• **Task directions**:
Write out the following records exactly, each one in full.

• **Information shown**:
****

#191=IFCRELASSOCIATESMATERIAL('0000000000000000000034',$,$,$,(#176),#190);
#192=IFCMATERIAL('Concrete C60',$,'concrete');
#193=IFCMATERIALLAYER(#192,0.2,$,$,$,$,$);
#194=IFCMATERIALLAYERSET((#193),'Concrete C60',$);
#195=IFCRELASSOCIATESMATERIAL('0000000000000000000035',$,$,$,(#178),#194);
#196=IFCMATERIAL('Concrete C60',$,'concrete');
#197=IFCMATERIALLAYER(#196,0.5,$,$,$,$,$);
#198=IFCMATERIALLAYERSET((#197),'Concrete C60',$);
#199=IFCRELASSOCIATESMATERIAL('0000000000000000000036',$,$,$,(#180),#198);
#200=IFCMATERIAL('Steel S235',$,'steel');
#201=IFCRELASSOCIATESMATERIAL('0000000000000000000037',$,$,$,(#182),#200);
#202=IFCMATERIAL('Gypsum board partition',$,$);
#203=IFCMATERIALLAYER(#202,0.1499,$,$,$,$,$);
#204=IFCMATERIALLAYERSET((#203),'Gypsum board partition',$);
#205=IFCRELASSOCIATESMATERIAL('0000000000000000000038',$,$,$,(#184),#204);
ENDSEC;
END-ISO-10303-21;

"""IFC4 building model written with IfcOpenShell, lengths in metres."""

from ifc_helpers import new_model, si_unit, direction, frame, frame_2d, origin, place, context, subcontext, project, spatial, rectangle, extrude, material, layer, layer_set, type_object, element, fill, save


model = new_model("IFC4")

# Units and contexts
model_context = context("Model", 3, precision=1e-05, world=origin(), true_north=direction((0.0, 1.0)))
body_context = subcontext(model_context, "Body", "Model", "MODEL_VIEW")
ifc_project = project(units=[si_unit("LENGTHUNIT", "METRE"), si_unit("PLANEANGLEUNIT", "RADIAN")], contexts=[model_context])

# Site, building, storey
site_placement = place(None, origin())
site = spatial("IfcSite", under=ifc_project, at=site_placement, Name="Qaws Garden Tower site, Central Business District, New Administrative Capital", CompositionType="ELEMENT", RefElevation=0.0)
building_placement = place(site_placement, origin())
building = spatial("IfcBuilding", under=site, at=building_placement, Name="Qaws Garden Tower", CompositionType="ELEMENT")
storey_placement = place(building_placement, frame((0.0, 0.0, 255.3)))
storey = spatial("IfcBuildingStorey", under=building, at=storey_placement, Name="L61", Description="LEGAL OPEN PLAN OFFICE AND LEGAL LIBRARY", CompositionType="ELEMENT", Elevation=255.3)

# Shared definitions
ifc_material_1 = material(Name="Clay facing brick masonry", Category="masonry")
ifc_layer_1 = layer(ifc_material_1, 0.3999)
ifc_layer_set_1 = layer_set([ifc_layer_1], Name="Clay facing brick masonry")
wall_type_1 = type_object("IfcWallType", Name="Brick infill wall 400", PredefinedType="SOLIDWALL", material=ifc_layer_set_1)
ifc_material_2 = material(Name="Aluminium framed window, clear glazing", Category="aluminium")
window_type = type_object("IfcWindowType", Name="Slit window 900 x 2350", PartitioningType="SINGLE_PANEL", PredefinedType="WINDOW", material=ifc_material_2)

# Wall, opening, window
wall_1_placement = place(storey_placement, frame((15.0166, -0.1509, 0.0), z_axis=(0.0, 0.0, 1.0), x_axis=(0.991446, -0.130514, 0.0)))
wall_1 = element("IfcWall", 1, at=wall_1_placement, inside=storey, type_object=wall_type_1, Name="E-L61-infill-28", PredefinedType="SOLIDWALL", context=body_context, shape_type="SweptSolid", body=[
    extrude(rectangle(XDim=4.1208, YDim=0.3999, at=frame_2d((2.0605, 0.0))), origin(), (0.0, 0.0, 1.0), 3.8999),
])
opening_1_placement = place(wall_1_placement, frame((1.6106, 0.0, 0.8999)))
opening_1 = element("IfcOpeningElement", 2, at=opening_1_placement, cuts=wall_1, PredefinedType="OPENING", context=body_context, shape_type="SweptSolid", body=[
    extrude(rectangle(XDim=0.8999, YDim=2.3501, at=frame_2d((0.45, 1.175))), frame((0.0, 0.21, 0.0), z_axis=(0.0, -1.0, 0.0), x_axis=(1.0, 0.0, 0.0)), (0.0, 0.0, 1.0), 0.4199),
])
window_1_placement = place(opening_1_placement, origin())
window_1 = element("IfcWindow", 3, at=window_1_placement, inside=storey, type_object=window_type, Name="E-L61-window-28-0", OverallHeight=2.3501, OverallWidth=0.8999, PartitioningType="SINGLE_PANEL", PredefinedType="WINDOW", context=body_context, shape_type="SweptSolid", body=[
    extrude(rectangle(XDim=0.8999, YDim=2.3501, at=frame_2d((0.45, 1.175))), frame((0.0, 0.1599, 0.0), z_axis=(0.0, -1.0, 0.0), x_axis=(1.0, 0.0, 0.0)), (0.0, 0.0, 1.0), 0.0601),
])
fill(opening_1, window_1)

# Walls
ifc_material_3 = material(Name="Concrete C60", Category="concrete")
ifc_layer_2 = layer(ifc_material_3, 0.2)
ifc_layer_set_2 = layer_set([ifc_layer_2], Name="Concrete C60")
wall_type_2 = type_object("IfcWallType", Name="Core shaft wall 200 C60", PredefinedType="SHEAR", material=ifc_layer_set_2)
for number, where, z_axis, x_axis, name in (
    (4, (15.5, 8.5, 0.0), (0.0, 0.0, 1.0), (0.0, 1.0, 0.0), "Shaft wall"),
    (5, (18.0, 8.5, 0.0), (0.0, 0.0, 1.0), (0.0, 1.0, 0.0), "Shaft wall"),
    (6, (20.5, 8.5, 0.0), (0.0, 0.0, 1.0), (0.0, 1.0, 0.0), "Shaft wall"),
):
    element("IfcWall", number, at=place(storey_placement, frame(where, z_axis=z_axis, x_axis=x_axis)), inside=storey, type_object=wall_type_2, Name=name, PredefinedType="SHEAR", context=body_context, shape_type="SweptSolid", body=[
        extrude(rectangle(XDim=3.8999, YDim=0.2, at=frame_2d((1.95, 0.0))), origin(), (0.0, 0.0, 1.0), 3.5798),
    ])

****

• **Written answer**:
#191=IFCRELASSOCIATESMATERIAL('0000000000000000000034',$,$,$,(#176),#190);
#192=IFCMATERIAL('Concrete C60',$,'concrete');
#193=IFCMATERIALLAYER(#192,0.2,$,$,$,$,$);
#194=IFCMATERIALLAYERSET((#193),'Concrete C60',$);
#195=IFCRELASSOCIATESMATERIAL('0000000000000000000035',$,$,$,(#178),#194);
#196=IFCMATERIAL('Concrete C60',$,'concrete');
#197=IFCMATERIALLAYER(#196,0.5,$,$,$,$,$);
#198=IFCMATERIALLAYERSET((#197),'Concrete C60',$);
#199=IFCRELASSOCIATESMATERIAL('0000000000000000000036',$,$,$,(#180),#198);
#200=IFCMATERIAL('Steel S235',$,'steel');
#201=IFCRELASSOCIATESMATERIAL('0000000000000000000037',$,$,$,(#182),#200);
#202=IFCMATERIAL('Gypsum board partition',$,$);
#203=IFCMATERIALLAYER(#202,0.1499,$,$,$,$,$);
#204=IFCMATERIALLAYERSET((#203),'Gypsum board partition',$);
#205=IFCRELASSOCIATESMATERIAL('0000000000000000000038',$,$,$,(#184),#204);
ENDSEC;
END-ISO-10303-21;

"""IFC4 building model written with IfcOpenShell, lengths in metres."""

from ifc_helpers import new_model, si_unit, direction, frame, frame_2d, origin, place, context, subcontext, project, spatial, rectangle, extrude, material, layer, layer_set, type_object, element, fill, save


model = new_model("IFC4")

# Units and contexts
model_context = context("Model", 3, precision=1e-05, world=origin(), true_north=direction((0.0, 1.0)))
body_context = subcontext(model_context, "Body", "Model", "MODEL_VIEW")
ifc_project = project(units=[si_unit("LENGTHUNIT", "METRE"), si_unit("PLANEANGLEUNIT", "RADIAN")], contexts=[model_context])

# Site, building, storey
site_placement = place(None, origin())
site = spatial("IfcSite", under=ifc_project, at=site_placement, Name="Qaws Garden Tower site, Central Business District, New Administrative Capital", CompositionType="ELEMENT", RefElevation=0.0)
building_placement = place(site_placement, origin())
building = spatial("IfcBuilding", under=site, at=building_placement, Name="Qaws Garden Tower", CompositionType="ELEMENT")
storey_placement = place(building_placement, frame((0.0, 0.0, 255.3)))
storey = spatial("IfcBuildingStorey", under=building, at=storey_placement, Name="L61", Description="LEGAL OPEN PLAN OFFICE AND LEGAL LIBRARY", CompositionType="ELEMENT", Elevation=255.3)

# Shared definitions
ifc_material_1 = material(Name="Clay facing brick masonry", Category="masonry")
ifc_layer_1 = layer(ifc_material_1, 0.3999)
ifc_layer_set_1 = layer_set([ifc_layer_1], Name="Clay facing brick masonry")
wall_type_1 = type_object("IfcWallType", Name="Brick infill wall 400", PredefinedType="SOLIDWALL", material=ifc_layer_set_1)
ifc_material_2 = material(Name="Aluminium framed window, clear glazing", Category="aluminium")
window_type = type_object("IfcWindowType", Name="Slit window 900 x 2350", PartitioningType="SINGLE_PANEL", PredefinedType="WINDOW", material=ifc_material_2)

# Wall, opening, window
wall_1_placement = place(storey_placement, frame((15.0166, -0.1509, 0.0), z_axis=(0.0, 0.0, 1.0), x_axis=(0.991446, -0.130514, 0.0)))
wall_1 = element("IfcWall", 1, at=wall_1_placement, inside=storey, type_object=wall_type_1, Name="E-L61-infill-28", PredefinedType="SOLIDWALL", context=body_context, shape_type="SweptSolid", body=[
    extrude(rectangle(XDim=4.1208, YDim=0.3999, at=frame_2d((2.0605, 0.0))), origin(), (0.0, 0.0, 1.0), 3.8999),
])
opening_1_placement = place(wall_1_placement, frame((1.6106, 0.0, 0.8999)))
opening_1 = element("IfcOpeningElement", 2, at=opening_1_placement, cuts=wall_1, PredefinedType="OPENING", context=body_context, shape_type="SweptSolid", body=[
    extrude(rectangle(XDim=0.8999, YDim=2.3501, at=frame_2d((0.45, 1.175))), frame((0.0, 0.21, 0.0), z_axis=(0.0, -1.0, 0.0), x_axis=(1.0, 0.0, 0.0)), (0.0, 0.0, 1.0), 0.4199),
])
window_1_placement = place(opening_1_placement, origin())
window_1 = element("IfcWindow", 3, at=window_1_placement, inside=storey, type_object=window_type, Name="E-L61-window-28-0", OverallHeight=2.3501, OverallWidth=0.8999, PartitioningType="SINGLE_PANEL", PredefinedType="WINDOW", context=body_context, shape_type="SweptSolid", body=[
    extrude(rectangle(XDim=0.8999, YDim=2.3501, at=frame_2d((0.45, 1.175))), frame((0.0, 0.1599, 0.0), z_axis=(0.0, -1.0, 0.0), x_axis=(1.0, 0.0, 0.0)), (0.0, 0.0, 1.0), 0.0601),
])
fill(opening_1, window_1)

# Walls
ifc_material_3 = material(Name="Concrete C60", Category="concrete")
ifc_layer_2 = layer(ifc_material_3, 0.2)
ifc_layer_set_2 = layer_set([ifc_layer_2], Name="Concrete C60")
wall_type_2 = type_object("IfcWallType", Name="Core shaft wall 200 C60", PredefinedType="SHEAR", material=ifc_layer_set_2)
for number, where, z_axis, x_axis, name in (
    (4, (15.5, 8.5, 0.0), (0.0, 0.0, 1.0), (0.0, 1.0, 0.0), "Shaft wall"),
    (5, (18.0, 8.5, 0.0), (0.0, 0.0, 1.0), (0.0, 1.0, 0.0), "Shaft wall"),
    (6, (20.5, 8.5, 0.0), (0.0, 0.0, 1.0), (0.0, 1.0, 0.0), "Shaft wall"),
):
    element("IfcWall", number, at=place(storey_placement, frame(where, z_axis=z_axis, x_axis=x_axis)), inside=storey, type_object=wall_type_2, Name=name, PredefinedType="SHEAR", context=body_context, shape_type="SweptSolid", body=[
        extrude(rectangle(XDim=3.8999, YDim=0.2, at=frame_2d((1.95, 0.0))), origin(), (0.0, 0.0, 1.0), 3.5798),
    ])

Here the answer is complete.